■ **TASK**: What you give back should match the entries below character for character.

Segment Start: DATA IN THIS EXERCISE

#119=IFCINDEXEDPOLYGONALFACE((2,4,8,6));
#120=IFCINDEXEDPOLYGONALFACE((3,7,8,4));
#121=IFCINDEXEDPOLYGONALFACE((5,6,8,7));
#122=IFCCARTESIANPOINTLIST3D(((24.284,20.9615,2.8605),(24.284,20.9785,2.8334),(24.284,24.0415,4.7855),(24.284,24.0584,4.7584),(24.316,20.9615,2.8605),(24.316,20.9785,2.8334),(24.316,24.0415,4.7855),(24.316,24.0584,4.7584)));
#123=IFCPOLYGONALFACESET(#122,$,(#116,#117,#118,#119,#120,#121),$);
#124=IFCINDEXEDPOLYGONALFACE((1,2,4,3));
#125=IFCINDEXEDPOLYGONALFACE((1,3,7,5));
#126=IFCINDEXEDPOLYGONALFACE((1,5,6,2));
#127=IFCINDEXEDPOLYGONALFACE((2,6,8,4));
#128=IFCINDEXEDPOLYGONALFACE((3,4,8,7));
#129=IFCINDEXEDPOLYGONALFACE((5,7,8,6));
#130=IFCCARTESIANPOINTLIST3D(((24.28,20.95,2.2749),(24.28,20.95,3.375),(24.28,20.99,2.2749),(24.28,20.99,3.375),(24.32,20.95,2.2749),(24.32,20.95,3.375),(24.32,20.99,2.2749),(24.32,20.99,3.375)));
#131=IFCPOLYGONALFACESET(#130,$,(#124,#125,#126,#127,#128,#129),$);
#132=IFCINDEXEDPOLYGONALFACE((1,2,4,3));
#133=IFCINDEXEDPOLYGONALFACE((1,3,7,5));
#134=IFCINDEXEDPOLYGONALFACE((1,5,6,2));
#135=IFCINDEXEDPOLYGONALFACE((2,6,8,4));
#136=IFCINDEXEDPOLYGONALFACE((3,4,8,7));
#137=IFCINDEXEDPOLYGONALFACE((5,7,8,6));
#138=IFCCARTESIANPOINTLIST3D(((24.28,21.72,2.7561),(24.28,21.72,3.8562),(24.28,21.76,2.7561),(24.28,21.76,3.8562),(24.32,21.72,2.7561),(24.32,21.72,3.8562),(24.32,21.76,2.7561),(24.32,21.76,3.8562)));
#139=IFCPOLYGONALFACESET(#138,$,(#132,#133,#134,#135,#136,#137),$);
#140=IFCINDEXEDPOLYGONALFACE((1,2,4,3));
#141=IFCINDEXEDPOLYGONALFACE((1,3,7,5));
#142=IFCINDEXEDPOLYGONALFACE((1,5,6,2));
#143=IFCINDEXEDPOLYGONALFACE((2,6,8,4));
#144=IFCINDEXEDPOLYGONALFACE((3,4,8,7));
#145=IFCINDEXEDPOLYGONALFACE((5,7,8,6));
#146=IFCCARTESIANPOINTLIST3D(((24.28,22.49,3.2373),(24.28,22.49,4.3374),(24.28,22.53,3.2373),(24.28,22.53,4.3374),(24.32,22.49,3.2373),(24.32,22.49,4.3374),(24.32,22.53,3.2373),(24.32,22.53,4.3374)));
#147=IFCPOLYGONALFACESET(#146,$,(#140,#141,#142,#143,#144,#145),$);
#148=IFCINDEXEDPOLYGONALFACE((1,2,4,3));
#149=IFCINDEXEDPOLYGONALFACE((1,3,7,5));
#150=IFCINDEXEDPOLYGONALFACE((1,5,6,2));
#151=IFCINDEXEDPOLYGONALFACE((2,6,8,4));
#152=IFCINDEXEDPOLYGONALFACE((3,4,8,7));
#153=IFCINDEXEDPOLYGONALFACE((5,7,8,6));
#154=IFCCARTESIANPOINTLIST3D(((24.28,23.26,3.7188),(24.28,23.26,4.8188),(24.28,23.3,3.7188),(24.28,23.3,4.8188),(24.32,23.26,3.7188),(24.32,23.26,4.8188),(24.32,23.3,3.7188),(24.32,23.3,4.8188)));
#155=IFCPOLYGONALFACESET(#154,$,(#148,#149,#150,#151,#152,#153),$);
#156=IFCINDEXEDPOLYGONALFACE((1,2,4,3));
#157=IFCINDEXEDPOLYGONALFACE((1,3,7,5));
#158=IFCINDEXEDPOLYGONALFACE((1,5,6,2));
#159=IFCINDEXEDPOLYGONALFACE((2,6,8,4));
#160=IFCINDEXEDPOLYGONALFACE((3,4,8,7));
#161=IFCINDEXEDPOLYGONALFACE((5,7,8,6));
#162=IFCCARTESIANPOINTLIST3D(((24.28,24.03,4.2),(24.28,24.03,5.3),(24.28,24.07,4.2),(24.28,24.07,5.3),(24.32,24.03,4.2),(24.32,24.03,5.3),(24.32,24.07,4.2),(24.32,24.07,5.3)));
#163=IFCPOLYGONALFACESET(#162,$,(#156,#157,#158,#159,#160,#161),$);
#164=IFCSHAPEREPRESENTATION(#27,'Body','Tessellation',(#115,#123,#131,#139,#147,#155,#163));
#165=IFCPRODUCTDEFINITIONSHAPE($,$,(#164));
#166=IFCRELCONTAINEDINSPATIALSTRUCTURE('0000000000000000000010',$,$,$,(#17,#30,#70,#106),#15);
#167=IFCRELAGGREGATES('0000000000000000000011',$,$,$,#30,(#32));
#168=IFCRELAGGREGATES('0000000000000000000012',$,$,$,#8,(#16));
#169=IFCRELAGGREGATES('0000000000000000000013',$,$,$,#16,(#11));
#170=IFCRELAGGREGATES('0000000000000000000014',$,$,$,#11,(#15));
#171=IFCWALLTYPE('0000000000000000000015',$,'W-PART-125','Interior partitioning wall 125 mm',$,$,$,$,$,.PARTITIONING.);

Segment End: DATA IN THIS EXERCISE

■ **SOLUTION**:
#119=IFCINDEXEDPOLYGONALFACE((2,4,8,6));
#120=IFCINDEXEDPOLYGONALFACE((3,7,8,4));
#121=IFCINDEXEDPOLYGONALFACE((5,6,8,7));
#122=IFCCARTESIANPOINTLIST3D(((24.284,20.9615,2.8605),(24.284,20.9785,2.8334),(24.284,24.0415,4.7855),(24.284,24.0584,4.7584),(24.316,20.9615,2.8605),(24.316,20.9785,2.8334),(24.316,24.0415,4.7855),(24.316,24.0584,4.7584)));
#123=IFCPOLYGONALFACESET(#122,$,(#116,#117,#118,#119,#120,#121),$);
#124=IFCINDEXEDPOLYGONALFACE((1,2,4,3));
#125=IFCINDEXEDPOLYGONALFACE((1,3,7,5));
#126=IFCINDEXEDPOLYGONALFACE((1,5,6,2));
#127=IFCINDEXEDPOLYGONALFACE((2,6,8,4));
#128=IFCINDEXEDPOLYGONALFACE((3,4,8,7));
#129=IFCINDEXEDPOLYGONALFACE((5,7,8,6));
#130=IFCCARTESIANPOINTLIST3D(((24.28,20.95,2.2749),(24.28,20.95,3.375),(24.28,20.99,2.2749),(24.28,20.99,3.375),(24.32,20.95,2.2749),(24.32,20.95,3.375),(24.32,20.99,2.2749),(24.32,20.99,3.375)));
#131=IFCPOLYGONALFACESET(#130,$,(#124,#125,#126,#127,#128,#129),$);
#132=IFCINDEXEDPOLYGONALFACE((1,2,4,3));
#133=IFCINDEXEDPOLYGONALFACE((1,3,7,5));
#134=IFCINDEXEDPOLYGONALFACE((1,5,6,2));
#135=IFCINDEXEDPOLYGONALFACE((2,6,8,4));
#136=IFCINDEXEDPOLYGONALFACE((3,4,8,7));
#137=IFCINDEXEDPOLYGONALFACE((5,7,8,6));
#138=IFCCARTESIANPOINTLIST3D(((24.28,21.72,2.7561),(24.28,21.72,3.8562),(24.28,21.76,2.7561),(24.28,21.76,3.8562),(24.32,21.72,2.7561),(24.32,21.72,3.8562),(24.32,21.76,2.7561),(24.32,21.76,3.8562)));
#139=IFCPOLYGONALFACESET(#138,$,(#132,#133,#134,#135,#136,#137),$);
#140=IFCINDEXEDPOLYGONALFACE((1,2,4,3));
#141=IFCINDEXEDPOLYGONALFACE((1,3,7,5));
#142=IFCINDEXEDPOLYGONALFACE((1,5,6,2));
#143=IFCINDEXEDPOLYGONALFACE((2,6,8,4));
#144=IFCINDEXEDPOLYGONALFACE((3,4,8,7));
#145=IFCINDEXEDPOLYGONALFACE((5,7,8,6));
#146=IFCCARTESIANPOINTLIST3D(((24.28,22.49,3.2373),(24.28,22.49,4.3374),(24.28,22.53,3.2373),(24.28,22.53,4.3374),(24.32,22.49,3.2373),(24.32,22.49,4.3374),(24.32,22.53,3.2373),(24.32,22.53,4.3374)));
#147=IFCPOLYGONALFACESET(#146,$,(#140,#141,#142,#143,#144,#145),$);
#148=IFCINDEXEDPOLYGONALFACE((1,2,4,3));
#149=IFCINDEXEDPOLYGONALFACE((1,3,7,5));
#150=IFCINDEXEDPOLYGONALFACE((1,5,6,2));
#151=IFCINDEXEDPOLYGONALFACE((2,6,8,4));
#152=IFCINDEXEDPOLYGONALFACE((3,4,8,7));
#153=IFCINDEXEDPOLYGONALFACE((5,7,8,6));
#154=IFCCARTESIANPOINTLIST3D(((24.28,23.26,3.7188),(24.28,23.26,4.8188),(24.28,23.3,3.7188),(24.28,23.3,4.8188),(24.32,23.26,3.7188),(24.32,23.26,4.8188),(24.32,23.3,3.7188),(24.32,23.3,4.8188)));
#155=IFCPOLYGONALFACESET(#154,$,(#148,#149,#150,#151,#152,#153),$);
#156=IFCINDEXEDPOLYGONALFACE((1,2,4,3));
#157=IFCINDEXEDPOLYGONALFACE((1,3,7,5));
#158=IFCINDEXEDPOLYGONALFACE((1,5,6,2));
#159=IFCINDEXEDPOLYGONALFACE((2,6,8,4));
#160=IFCINDEXEDPOLYGONALFACE((3,4,8,7));
#161=IFCINDEXEDPOLYGONALFACE((5,7,8,6));
#162=IFCCARTESIANPOINTLIST3D(((24.28,24.03,4.2),(24.28,24.03,5.3),(24.28,24.07,4.2),(24.28,24.07,5.3),(24.32,24.03,4.2),(24.32,24.03,5.3),(24.32,24.07,4.2),(24.32,24.07,5.3)));
#163=IFCPOLYGONALFACESET(#162,$,(#156,#157,#158,#159,#160,#161),$);
#164=IFCSHAPEREPRESENTATION(#27,'Body','Tessellation',(#115,#123,#131,#139,#147,#155,#163));
#165=IFCPRODUCTDEFINITIONSHAPE($,$,(#164));
#166=IFCRELCONTAINEDINSPATIALSTRUCTURE('0000000000000000000010',$,$,$,(#17,#30,#70,#106),#15);
#167=IFCRELAGGREGATES('0000000000000000000011',$,$,$,#30,(#32));
#168=IFCRELAGGREGATES('0000000000000000000012',$,$,$,#8,(#16));
#169=IFCRELAGGREGATES('0000000000000000000013',$,$,$,#16,(#11));
#170=IFCRELAGGREGATES('0000000000000000000014',$,$,$,#11,(#15));
#171=IFCWALLTYPE('0000000000000000000015',$,'W-PART-125','Interior partitioning wall 125 mm',$,$,$,$,$,.PARTITIONING.);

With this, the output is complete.